> Requirement: Search the data for "IFCRELDEFINESBYTYPE". Each line containing it is to be copied.

━━━━━━━━━━━━━━━━

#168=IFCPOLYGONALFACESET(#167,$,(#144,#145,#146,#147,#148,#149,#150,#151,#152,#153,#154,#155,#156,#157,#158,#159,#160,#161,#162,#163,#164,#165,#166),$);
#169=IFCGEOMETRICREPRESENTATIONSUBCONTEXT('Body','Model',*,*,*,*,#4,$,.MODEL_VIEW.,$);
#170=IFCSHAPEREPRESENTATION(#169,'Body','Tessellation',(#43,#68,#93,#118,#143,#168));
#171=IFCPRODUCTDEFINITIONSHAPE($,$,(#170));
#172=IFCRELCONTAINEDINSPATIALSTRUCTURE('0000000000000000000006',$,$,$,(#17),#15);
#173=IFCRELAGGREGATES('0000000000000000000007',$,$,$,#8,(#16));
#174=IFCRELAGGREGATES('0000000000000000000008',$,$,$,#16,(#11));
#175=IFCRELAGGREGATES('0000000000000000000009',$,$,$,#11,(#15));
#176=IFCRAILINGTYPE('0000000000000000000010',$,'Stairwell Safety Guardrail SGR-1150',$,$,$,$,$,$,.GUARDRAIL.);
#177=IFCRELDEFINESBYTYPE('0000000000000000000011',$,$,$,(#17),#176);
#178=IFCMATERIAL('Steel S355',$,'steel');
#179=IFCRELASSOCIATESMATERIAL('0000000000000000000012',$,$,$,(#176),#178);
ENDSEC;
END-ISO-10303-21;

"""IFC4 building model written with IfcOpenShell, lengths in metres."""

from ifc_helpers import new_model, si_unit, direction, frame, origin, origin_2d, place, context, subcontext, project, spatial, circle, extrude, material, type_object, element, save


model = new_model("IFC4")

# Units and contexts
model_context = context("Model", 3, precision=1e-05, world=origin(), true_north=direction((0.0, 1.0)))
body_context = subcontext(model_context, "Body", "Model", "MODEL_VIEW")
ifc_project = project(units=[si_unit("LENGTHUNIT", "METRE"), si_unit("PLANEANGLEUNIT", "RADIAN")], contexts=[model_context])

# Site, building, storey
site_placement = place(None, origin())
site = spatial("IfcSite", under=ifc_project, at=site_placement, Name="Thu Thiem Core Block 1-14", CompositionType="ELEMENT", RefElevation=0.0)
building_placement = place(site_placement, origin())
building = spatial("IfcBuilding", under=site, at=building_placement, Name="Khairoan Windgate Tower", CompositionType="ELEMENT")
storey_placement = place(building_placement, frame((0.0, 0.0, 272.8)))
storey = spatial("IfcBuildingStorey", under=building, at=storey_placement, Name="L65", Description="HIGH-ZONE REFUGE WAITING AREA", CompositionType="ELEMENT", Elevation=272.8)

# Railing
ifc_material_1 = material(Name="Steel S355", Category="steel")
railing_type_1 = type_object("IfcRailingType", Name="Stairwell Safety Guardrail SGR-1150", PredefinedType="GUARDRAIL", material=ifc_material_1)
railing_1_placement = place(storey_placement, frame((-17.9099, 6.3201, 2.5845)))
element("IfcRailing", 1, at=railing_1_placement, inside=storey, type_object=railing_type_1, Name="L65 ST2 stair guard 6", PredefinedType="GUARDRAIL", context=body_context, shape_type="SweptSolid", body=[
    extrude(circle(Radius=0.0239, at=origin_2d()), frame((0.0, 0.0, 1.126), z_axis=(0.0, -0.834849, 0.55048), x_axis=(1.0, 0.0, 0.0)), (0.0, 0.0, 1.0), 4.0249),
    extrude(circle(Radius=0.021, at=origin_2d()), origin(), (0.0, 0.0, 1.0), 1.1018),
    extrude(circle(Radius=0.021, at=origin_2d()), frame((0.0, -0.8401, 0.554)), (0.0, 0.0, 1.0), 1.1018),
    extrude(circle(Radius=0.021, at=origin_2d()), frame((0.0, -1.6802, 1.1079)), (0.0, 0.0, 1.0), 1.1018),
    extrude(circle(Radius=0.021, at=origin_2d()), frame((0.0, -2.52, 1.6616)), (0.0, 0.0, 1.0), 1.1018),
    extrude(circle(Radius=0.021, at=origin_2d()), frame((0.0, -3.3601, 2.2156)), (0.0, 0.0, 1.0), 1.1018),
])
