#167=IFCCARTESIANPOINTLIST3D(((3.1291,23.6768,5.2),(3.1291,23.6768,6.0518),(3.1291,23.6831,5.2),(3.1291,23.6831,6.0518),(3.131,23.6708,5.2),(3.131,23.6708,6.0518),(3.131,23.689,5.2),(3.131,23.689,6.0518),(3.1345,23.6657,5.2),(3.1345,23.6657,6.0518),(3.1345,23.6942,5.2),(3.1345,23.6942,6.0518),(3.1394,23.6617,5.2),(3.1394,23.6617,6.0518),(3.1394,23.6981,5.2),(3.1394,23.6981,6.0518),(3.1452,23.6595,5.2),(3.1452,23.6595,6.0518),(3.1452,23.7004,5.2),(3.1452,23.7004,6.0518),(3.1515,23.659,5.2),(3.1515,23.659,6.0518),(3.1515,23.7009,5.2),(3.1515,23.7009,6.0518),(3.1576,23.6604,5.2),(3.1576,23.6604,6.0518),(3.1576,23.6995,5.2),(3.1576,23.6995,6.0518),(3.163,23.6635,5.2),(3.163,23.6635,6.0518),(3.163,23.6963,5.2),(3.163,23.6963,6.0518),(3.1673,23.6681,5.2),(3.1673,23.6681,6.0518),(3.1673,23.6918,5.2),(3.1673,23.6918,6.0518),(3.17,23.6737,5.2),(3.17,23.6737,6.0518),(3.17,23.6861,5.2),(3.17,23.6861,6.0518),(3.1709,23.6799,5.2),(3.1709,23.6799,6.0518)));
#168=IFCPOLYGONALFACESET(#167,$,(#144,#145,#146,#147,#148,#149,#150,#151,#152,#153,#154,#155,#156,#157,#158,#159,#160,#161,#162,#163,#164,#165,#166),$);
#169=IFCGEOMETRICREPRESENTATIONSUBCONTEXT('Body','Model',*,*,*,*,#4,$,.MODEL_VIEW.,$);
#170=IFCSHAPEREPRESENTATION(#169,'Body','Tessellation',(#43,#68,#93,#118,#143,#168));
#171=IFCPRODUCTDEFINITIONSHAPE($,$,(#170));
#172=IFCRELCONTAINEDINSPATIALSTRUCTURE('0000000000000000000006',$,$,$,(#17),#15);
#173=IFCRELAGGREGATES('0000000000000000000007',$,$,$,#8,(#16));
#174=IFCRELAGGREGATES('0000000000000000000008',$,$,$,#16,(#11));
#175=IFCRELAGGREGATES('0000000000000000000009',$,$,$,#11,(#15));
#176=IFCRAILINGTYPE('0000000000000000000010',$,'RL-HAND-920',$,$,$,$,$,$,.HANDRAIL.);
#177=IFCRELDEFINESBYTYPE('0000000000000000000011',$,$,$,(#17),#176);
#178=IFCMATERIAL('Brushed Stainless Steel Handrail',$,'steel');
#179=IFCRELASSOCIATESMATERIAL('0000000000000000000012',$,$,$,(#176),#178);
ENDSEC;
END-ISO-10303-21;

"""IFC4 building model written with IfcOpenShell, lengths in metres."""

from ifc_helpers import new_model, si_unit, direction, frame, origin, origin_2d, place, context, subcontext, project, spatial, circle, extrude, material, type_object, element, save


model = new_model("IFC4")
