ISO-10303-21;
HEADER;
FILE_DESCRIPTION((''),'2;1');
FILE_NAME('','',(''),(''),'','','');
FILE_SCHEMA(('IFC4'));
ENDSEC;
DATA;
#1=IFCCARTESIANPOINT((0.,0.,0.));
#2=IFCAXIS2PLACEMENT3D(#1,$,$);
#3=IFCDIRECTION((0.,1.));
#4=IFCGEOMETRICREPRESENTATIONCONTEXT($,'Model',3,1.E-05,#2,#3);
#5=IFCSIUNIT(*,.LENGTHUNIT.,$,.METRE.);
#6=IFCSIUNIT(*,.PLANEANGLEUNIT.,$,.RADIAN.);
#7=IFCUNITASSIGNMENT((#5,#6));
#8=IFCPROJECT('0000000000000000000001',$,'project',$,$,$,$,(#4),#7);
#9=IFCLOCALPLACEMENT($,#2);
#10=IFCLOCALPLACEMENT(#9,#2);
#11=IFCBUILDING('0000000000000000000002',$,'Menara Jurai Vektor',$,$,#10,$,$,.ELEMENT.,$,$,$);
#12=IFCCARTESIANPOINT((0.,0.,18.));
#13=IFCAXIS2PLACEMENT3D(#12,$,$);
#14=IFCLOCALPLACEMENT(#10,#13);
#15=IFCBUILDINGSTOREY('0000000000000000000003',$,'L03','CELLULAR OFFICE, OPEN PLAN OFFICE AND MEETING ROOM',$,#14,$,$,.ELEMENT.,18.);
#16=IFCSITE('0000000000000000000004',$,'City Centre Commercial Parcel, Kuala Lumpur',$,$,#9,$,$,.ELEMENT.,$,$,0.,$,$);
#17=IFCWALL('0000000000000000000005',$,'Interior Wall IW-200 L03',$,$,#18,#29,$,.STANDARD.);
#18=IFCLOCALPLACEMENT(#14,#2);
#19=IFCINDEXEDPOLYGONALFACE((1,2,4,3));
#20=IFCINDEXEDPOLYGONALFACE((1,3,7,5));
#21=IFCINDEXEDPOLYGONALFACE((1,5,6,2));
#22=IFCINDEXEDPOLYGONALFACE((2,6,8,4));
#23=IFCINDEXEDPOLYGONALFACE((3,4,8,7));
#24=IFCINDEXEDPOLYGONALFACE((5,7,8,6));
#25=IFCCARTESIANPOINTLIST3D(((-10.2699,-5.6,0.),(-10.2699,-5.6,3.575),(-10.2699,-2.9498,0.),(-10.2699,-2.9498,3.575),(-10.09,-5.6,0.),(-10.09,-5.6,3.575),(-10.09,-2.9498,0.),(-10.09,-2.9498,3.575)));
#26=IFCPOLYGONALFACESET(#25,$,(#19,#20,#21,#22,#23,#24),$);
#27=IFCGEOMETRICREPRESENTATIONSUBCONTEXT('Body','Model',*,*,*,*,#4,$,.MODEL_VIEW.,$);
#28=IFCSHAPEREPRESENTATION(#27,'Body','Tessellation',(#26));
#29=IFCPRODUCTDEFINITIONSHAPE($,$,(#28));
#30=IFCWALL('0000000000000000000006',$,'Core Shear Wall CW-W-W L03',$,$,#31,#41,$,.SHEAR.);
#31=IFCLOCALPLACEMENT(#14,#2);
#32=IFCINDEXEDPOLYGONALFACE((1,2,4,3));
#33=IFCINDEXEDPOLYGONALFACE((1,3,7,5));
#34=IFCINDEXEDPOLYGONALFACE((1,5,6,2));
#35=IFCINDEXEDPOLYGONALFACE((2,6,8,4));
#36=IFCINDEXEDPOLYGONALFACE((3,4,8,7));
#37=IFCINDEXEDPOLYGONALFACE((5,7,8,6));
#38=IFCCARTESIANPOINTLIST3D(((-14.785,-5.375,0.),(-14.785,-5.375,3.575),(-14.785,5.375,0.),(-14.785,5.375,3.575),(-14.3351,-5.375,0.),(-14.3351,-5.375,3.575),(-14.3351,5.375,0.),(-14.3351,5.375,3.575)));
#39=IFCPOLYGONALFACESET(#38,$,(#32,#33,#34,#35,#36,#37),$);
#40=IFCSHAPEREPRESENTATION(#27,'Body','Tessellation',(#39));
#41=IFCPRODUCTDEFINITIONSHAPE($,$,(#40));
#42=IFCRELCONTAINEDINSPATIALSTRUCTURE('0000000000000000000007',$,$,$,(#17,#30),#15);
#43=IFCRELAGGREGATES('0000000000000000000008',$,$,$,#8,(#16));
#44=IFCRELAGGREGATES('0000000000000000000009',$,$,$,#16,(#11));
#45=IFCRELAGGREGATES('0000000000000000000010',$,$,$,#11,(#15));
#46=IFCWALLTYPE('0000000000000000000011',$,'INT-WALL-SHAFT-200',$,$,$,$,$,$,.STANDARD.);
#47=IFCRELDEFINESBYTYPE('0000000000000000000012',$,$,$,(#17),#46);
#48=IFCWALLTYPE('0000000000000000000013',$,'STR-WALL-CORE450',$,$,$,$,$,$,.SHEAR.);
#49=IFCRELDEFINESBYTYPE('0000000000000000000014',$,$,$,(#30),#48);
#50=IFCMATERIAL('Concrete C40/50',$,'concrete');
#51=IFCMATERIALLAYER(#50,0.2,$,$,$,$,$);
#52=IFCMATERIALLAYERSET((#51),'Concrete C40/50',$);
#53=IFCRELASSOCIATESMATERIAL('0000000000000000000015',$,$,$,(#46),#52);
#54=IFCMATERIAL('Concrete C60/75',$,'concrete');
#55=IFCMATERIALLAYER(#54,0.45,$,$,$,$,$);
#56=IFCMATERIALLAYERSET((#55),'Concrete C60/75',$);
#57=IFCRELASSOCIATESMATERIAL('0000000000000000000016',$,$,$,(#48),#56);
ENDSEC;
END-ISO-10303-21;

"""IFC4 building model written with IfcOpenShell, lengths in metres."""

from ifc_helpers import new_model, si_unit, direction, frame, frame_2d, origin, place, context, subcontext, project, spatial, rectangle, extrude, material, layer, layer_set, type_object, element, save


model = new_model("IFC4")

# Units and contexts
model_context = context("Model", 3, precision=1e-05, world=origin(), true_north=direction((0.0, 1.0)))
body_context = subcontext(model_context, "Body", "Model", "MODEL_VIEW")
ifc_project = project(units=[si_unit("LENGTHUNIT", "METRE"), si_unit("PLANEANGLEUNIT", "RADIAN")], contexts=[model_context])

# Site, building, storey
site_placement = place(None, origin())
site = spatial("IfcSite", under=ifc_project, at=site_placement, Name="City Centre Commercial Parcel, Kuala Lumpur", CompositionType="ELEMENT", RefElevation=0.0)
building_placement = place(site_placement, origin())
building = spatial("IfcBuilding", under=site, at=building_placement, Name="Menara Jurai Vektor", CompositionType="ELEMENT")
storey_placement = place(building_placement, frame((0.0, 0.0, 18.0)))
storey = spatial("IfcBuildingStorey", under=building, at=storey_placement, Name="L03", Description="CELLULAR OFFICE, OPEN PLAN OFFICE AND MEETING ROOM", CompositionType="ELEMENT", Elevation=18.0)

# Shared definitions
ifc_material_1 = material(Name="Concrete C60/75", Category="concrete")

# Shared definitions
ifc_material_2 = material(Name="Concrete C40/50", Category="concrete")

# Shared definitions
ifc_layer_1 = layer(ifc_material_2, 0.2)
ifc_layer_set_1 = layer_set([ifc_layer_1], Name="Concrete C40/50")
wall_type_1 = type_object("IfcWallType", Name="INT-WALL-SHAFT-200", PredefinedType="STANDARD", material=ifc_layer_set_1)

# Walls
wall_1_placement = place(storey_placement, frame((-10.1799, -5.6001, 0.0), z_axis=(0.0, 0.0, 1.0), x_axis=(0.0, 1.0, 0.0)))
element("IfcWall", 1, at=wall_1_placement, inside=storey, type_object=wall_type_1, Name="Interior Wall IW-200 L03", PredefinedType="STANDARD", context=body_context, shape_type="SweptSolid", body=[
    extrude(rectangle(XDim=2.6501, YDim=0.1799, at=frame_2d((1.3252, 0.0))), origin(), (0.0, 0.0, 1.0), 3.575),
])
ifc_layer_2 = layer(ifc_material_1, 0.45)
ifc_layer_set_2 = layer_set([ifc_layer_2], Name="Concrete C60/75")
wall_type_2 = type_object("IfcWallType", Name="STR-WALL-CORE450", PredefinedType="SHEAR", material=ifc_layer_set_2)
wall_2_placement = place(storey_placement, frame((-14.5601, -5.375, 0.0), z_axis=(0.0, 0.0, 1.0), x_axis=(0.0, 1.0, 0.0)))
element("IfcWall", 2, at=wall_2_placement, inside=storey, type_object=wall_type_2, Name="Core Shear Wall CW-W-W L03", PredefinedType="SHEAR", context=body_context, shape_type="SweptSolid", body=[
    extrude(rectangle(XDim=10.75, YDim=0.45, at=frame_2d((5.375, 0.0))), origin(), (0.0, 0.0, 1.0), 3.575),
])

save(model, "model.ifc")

━━━━━━━━━━━━━━━━

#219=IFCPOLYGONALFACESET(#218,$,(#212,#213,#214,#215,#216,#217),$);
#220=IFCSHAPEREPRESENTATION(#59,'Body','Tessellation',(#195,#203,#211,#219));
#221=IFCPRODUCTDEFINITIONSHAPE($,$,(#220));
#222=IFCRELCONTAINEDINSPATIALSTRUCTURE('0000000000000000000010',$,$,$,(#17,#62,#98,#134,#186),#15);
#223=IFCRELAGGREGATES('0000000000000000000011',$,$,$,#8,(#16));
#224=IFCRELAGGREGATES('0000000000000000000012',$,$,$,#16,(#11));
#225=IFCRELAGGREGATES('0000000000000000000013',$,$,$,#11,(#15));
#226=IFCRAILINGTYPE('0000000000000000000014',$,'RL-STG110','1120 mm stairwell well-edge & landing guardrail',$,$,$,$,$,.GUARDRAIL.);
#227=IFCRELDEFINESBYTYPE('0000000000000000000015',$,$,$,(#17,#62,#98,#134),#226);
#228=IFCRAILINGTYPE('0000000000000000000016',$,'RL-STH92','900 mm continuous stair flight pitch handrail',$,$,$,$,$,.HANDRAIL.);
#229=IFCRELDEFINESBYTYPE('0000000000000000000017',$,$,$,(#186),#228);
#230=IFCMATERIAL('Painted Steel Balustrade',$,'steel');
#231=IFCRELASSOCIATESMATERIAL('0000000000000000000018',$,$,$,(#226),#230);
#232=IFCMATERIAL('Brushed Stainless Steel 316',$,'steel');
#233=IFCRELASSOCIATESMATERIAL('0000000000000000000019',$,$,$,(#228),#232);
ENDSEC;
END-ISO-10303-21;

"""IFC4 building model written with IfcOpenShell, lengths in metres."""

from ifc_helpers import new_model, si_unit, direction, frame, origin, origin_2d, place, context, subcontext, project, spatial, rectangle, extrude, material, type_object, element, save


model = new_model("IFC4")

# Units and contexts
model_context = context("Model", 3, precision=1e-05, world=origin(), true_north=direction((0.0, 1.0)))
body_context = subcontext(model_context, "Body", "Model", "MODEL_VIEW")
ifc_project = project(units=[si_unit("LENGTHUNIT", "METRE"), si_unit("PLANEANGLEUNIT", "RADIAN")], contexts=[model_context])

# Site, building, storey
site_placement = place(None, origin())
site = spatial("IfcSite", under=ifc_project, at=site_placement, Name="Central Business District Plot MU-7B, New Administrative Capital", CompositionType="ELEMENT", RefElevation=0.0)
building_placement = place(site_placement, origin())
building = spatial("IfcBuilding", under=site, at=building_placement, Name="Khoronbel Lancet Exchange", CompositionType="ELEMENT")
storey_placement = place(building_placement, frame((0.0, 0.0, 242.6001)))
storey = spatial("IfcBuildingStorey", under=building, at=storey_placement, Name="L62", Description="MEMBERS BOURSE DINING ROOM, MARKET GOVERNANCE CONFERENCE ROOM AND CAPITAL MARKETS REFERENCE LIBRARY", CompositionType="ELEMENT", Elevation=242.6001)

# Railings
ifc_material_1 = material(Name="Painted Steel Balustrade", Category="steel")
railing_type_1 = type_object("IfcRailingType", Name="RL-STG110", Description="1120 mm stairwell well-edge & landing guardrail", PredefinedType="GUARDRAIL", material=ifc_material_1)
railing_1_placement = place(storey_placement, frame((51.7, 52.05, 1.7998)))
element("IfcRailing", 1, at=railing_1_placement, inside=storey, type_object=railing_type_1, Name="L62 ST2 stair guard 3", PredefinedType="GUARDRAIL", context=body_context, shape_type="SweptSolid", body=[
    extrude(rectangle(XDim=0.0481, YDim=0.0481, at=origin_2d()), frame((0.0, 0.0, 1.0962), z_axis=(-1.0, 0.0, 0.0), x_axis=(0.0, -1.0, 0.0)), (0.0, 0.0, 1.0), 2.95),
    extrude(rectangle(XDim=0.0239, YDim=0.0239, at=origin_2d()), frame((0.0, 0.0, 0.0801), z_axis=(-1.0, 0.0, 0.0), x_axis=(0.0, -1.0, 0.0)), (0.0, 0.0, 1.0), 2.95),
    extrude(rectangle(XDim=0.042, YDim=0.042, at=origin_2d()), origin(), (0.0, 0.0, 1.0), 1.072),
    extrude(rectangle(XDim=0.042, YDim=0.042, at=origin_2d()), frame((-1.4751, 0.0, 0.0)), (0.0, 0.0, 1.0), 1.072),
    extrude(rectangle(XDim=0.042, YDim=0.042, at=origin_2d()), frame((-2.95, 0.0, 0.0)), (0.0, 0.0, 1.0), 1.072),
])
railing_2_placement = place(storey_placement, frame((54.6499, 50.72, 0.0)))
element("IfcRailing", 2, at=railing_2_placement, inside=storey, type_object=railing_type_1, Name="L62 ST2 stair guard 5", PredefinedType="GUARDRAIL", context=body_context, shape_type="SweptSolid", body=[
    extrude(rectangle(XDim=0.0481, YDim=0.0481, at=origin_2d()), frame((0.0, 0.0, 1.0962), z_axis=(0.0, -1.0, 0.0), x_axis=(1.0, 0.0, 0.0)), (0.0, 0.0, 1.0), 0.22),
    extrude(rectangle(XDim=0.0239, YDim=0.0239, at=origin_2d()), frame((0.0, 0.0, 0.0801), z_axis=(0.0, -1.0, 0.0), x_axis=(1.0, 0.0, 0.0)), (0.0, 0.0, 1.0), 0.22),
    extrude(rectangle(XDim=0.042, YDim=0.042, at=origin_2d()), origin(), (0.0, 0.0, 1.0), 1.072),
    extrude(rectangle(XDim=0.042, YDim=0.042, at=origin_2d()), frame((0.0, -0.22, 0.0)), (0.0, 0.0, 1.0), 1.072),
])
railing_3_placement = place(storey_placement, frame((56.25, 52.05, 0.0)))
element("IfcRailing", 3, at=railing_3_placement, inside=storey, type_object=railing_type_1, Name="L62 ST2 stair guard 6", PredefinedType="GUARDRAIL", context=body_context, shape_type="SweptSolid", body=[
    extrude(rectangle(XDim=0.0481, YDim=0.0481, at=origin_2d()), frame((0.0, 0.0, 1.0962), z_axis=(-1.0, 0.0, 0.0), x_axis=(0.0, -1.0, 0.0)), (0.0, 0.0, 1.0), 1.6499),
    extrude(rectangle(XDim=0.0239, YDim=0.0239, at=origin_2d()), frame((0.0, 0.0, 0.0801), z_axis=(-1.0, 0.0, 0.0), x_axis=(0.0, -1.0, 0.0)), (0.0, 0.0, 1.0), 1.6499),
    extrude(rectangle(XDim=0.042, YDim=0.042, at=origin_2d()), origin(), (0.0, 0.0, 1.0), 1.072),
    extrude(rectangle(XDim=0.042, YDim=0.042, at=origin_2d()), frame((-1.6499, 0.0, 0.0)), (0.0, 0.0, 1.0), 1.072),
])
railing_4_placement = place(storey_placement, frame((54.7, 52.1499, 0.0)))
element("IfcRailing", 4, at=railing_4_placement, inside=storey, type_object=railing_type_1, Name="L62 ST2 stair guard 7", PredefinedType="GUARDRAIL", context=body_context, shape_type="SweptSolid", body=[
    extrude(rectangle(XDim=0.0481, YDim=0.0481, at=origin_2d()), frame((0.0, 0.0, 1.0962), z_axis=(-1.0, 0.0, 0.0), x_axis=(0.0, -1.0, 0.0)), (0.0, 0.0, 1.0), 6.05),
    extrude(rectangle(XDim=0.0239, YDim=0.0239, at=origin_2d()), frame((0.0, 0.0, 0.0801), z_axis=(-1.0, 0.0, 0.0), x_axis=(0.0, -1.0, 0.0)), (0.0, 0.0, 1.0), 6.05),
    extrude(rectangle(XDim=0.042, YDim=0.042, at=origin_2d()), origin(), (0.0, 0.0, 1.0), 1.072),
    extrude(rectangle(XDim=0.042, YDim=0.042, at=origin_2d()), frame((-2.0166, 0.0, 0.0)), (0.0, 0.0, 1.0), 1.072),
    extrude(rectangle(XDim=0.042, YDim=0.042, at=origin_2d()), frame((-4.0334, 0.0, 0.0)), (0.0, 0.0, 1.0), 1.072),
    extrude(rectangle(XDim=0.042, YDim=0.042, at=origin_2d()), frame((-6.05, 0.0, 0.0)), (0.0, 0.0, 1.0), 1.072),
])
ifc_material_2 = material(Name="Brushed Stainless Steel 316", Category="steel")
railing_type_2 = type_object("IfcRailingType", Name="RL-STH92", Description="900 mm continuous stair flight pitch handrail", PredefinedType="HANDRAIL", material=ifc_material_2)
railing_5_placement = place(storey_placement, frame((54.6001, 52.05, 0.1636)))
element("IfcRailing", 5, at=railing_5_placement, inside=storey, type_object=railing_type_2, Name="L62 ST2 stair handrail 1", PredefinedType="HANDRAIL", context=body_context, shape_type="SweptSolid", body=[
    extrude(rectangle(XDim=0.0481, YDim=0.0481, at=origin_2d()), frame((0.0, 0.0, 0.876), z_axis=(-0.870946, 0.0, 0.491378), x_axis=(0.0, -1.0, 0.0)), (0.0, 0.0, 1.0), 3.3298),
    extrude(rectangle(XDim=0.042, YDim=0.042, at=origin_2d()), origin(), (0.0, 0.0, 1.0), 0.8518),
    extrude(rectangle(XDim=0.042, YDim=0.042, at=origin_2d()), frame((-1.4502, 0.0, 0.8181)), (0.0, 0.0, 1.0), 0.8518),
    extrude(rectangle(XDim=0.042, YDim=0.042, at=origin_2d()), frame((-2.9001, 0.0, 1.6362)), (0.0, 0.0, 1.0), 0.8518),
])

━━━━━━━━━━━━━━━━

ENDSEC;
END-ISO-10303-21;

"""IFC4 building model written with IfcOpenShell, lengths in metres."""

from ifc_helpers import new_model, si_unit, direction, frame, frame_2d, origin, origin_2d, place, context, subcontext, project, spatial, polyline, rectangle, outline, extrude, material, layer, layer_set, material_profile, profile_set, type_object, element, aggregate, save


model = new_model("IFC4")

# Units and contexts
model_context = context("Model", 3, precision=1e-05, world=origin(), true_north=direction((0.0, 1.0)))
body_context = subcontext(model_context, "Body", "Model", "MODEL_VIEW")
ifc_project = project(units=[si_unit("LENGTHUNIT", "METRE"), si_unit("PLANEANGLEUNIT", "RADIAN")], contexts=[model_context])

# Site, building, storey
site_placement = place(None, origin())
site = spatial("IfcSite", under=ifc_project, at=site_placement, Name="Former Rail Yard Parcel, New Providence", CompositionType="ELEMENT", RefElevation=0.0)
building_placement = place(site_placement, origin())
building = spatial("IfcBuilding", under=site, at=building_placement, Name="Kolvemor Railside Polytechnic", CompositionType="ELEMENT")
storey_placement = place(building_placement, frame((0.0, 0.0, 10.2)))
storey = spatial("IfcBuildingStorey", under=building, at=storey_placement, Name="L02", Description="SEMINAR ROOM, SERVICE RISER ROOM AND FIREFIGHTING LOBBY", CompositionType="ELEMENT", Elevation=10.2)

━━━━━━━━━━━━━━━━

> Answer for the task:
#177=IFCRELDEFINESBYTYPE('0000000000000000000011',$,$,$,(#17),#176);
#177=IFCRELDEFINESBYTYPE('0000000000000000000011',$,$,$,(#17),#176);
#47=IFCRELDEFINESBYTYPE('0000000000000000000012',$,$,$,(#17),#46);
#49=IFCRELDEFINESBYTYPE('0000000000000000000014',$,$,$,(#30),#48);
#227=IFCRELDEFINESBYTYPE('0000000000000000000015',$,$,$,(#17,#62,#98,#134),#226);
#229=IFCRELDEFINESBYTYPE('0000000000000000000017',$,$,$,(#186),#228);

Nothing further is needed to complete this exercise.